» ASSIGNED TASK
For each line in the records that contains "Exchange", make a copy.

» RECORDS FOR THIS EXERCISE
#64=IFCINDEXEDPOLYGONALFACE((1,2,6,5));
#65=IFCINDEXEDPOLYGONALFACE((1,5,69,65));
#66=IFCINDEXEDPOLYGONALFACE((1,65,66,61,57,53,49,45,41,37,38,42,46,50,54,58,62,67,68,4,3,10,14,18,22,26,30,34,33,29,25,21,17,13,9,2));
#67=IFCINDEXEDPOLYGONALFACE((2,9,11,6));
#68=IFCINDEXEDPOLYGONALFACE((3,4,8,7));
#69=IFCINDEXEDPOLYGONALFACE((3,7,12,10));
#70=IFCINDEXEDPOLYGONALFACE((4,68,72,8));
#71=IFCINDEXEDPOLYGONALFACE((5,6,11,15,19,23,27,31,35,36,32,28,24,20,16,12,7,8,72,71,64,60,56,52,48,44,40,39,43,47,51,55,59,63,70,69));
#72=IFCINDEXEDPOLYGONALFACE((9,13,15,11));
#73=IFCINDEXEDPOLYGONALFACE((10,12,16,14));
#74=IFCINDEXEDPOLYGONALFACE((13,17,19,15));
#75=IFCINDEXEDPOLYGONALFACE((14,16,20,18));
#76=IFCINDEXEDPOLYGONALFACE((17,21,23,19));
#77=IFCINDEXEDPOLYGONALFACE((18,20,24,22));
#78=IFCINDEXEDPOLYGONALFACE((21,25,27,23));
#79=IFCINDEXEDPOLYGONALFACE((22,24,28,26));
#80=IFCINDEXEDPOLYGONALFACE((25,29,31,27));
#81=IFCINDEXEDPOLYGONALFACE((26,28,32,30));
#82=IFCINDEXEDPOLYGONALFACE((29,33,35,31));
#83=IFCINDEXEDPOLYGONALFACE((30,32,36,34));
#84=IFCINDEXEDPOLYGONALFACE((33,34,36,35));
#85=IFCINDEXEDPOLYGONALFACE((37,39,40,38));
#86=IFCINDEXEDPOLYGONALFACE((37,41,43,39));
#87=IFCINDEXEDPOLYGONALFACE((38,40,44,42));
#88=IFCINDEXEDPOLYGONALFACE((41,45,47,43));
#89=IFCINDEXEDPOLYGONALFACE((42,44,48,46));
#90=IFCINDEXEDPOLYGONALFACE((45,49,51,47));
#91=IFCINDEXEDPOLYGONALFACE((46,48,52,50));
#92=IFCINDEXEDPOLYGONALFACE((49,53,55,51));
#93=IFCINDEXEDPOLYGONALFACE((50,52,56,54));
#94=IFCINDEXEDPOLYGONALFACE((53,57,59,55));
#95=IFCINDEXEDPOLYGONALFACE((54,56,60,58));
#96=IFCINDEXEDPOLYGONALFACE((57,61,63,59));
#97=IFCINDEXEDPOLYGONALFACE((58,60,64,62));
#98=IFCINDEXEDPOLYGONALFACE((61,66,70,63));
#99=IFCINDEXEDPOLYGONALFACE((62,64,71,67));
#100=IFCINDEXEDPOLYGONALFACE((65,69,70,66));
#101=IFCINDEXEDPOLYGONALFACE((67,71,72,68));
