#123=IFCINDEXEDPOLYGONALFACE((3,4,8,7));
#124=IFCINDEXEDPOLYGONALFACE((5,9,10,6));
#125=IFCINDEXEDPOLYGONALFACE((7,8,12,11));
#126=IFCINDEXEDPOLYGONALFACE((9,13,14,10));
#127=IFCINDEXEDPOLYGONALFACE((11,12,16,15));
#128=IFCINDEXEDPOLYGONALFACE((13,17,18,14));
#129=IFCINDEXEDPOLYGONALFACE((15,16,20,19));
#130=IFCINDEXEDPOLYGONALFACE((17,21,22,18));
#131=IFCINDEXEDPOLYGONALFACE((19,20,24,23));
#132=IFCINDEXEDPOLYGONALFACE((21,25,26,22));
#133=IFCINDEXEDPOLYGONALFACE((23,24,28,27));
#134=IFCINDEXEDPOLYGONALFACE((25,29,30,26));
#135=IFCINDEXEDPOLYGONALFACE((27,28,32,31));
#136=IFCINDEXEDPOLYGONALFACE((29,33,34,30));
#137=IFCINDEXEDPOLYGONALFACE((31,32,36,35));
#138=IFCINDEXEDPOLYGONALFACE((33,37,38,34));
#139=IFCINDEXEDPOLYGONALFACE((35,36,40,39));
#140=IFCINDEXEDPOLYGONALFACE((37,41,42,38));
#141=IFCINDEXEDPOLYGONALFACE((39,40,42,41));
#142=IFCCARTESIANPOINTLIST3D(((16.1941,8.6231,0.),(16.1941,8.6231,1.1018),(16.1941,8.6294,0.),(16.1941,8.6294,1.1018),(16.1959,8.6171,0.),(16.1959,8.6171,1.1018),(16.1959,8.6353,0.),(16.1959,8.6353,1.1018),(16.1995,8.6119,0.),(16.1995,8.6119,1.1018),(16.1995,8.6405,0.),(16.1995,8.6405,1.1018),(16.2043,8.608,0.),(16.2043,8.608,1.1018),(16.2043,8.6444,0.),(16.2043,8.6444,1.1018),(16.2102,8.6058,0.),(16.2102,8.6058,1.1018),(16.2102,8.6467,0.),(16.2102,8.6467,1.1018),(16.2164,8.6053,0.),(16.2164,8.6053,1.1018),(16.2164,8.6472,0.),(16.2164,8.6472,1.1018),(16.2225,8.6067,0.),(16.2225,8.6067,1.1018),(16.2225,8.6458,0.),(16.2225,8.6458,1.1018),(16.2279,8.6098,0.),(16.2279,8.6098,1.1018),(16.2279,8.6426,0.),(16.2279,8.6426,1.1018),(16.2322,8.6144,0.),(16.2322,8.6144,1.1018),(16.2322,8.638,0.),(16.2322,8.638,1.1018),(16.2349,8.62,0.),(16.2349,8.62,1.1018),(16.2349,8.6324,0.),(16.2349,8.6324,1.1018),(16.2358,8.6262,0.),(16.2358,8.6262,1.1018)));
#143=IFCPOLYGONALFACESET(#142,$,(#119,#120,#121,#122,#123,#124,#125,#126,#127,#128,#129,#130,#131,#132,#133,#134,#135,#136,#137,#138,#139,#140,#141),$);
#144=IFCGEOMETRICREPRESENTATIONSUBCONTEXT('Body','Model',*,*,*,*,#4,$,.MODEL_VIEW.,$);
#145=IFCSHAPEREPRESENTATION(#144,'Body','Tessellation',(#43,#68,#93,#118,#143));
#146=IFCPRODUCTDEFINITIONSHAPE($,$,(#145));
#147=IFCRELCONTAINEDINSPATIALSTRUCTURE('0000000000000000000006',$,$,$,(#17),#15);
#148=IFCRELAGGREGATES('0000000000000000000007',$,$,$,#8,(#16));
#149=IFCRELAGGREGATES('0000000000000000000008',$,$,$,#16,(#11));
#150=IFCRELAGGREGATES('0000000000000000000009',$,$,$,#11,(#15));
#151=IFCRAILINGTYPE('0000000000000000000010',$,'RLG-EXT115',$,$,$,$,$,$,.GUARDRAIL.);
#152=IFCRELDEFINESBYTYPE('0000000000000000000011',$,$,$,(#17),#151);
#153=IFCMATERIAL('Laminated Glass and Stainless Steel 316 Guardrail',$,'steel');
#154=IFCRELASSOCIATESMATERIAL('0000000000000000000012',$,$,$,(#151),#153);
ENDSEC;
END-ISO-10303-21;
...
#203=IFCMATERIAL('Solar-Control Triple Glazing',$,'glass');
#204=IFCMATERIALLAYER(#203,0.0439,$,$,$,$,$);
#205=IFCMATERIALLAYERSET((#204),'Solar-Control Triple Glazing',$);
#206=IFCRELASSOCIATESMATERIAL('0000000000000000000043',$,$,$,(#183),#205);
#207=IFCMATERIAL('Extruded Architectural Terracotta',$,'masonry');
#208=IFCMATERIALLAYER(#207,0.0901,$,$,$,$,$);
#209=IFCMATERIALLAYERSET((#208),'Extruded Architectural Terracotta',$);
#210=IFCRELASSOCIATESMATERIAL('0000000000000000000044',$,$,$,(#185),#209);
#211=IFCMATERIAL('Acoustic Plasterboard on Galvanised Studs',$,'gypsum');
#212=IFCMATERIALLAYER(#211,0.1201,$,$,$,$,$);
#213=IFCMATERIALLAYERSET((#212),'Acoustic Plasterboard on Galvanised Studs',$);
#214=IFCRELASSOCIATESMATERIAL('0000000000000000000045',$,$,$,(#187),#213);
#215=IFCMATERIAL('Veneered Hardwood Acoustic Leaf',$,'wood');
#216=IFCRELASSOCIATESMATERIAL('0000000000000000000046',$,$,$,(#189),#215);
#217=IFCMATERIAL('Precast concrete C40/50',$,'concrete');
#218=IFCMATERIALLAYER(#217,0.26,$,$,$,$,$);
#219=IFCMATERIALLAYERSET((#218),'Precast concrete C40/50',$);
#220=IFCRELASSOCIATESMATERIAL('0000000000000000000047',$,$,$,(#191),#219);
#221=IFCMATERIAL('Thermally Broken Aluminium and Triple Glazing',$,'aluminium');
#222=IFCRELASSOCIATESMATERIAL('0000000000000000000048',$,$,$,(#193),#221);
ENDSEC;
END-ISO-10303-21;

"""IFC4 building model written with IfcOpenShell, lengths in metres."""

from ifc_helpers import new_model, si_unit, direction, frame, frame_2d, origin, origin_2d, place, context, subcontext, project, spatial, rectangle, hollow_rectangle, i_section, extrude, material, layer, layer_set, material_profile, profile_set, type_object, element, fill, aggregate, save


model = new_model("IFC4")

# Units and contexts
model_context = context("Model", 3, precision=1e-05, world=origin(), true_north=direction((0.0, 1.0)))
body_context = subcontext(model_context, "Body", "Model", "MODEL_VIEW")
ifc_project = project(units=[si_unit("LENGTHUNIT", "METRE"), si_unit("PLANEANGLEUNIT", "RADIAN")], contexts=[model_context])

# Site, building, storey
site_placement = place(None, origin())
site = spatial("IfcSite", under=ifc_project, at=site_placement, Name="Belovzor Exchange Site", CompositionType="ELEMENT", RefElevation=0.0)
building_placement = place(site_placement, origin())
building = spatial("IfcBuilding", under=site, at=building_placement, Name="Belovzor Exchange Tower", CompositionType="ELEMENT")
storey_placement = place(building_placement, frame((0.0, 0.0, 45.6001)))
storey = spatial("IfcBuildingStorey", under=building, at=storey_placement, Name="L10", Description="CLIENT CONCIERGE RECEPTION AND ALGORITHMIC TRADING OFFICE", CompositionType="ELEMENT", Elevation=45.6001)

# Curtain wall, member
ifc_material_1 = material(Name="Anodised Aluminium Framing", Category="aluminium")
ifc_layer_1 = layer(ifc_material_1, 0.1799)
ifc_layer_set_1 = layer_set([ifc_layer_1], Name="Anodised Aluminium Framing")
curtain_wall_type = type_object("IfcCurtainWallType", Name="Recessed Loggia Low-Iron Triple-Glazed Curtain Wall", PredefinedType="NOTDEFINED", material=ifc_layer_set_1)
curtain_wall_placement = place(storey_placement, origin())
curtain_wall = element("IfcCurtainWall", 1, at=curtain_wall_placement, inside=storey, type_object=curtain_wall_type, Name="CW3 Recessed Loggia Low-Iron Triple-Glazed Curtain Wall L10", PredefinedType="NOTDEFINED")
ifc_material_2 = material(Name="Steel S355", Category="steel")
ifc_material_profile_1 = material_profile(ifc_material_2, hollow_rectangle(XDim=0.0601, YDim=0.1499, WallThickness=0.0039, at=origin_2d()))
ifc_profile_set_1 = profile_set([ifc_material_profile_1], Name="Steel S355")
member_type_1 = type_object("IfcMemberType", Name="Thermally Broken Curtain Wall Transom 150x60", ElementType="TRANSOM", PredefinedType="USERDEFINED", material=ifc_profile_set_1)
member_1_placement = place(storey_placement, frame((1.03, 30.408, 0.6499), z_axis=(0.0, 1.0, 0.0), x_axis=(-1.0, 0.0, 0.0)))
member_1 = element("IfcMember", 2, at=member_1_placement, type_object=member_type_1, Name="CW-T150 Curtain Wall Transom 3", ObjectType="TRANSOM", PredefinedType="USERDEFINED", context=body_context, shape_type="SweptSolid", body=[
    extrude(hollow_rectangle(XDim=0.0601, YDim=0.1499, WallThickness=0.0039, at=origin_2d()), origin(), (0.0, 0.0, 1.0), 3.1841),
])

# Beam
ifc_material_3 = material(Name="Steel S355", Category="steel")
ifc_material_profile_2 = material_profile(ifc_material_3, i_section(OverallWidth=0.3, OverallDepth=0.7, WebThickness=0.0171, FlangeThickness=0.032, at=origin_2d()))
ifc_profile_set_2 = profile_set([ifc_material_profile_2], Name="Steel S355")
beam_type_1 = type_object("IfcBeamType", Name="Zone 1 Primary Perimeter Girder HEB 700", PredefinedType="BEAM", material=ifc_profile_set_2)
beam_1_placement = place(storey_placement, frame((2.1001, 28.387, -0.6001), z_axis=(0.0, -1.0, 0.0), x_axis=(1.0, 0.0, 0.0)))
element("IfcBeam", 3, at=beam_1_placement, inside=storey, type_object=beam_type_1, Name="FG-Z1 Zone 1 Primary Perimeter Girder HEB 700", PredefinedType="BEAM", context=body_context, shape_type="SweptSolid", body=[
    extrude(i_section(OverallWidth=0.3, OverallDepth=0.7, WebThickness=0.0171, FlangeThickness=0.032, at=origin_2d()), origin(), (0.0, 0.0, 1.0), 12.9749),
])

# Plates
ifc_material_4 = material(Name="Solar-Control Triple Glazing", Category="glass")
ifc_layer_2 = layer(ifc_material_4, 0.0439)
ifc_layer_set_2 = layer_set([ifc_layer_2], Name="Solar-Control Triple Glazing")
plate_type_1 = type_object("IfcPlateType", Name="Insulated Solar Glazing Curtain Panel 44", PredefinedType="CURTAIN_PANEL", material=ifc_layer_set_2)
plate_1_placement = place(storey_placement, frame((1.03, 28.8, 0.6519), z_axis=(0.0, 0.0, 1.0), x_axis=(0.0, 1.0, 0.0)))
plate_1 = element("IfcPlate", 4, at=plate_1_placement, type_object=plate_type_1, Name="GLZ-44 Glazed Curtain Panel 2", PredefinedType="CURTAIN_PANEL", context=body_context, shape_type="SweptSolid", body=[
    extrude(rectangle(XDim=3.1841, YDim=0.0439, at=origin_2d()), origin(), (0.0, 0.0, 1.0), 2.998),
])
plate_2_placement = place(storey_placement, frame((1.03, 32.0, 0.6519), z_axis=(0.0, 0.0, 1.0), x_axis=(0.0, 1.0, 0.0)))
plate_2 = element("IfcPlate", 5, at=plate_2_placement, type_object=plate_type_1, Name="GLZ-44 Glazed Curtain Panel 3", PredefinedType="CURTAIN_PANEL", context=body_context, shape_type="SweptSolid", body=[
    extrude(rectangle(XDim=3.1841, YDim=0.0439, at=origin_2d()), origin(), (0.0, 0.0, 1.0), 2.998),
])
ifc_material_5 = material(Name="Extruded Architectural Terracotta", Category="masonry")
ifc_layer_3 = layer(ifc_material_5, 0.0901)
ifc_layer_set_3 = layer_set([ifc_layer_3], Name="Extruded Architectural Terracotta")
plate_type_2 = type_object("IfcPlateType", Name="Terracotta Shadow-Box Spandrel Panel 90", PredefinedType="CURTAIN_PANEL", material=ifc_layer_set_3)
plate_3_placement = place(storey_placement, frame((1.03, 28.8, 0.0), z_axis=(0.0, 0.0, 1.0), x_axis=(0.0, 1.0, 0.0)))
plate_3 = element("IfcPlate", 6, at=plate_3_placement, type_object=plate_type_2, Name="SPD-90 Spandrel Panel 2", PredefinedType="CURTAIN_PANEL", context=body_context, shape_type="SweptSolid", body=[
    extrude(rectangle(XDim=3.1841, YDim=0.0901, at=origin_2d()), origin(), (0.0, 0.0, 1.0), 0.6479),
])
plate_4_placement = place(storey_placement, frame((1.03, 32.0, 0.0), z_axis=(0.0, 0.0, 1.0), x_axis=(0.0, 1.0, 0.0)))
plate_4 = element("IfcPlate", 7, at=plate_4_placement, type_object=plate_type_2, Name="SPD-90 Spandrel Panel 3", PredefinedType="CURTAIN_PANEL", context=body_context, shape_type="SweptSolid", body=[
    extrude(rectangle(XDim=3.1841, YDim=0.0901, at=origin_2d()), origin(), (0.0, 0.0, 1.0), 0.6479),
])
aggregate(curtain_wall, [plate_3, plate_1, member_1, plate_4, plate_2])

» SOLUTION FOR THIS TASK
site = spatial("IfcSite", under=ifc_project, at=site_placement, Name="Belovzor Exchange Site", CompositionType="ELEMENT", RefElevation=0.0)
building = spatial("IfcBuilding", under=site, at=building_placement, Name="Belovzor Exchange Tower", CompositionType="ELEMENT")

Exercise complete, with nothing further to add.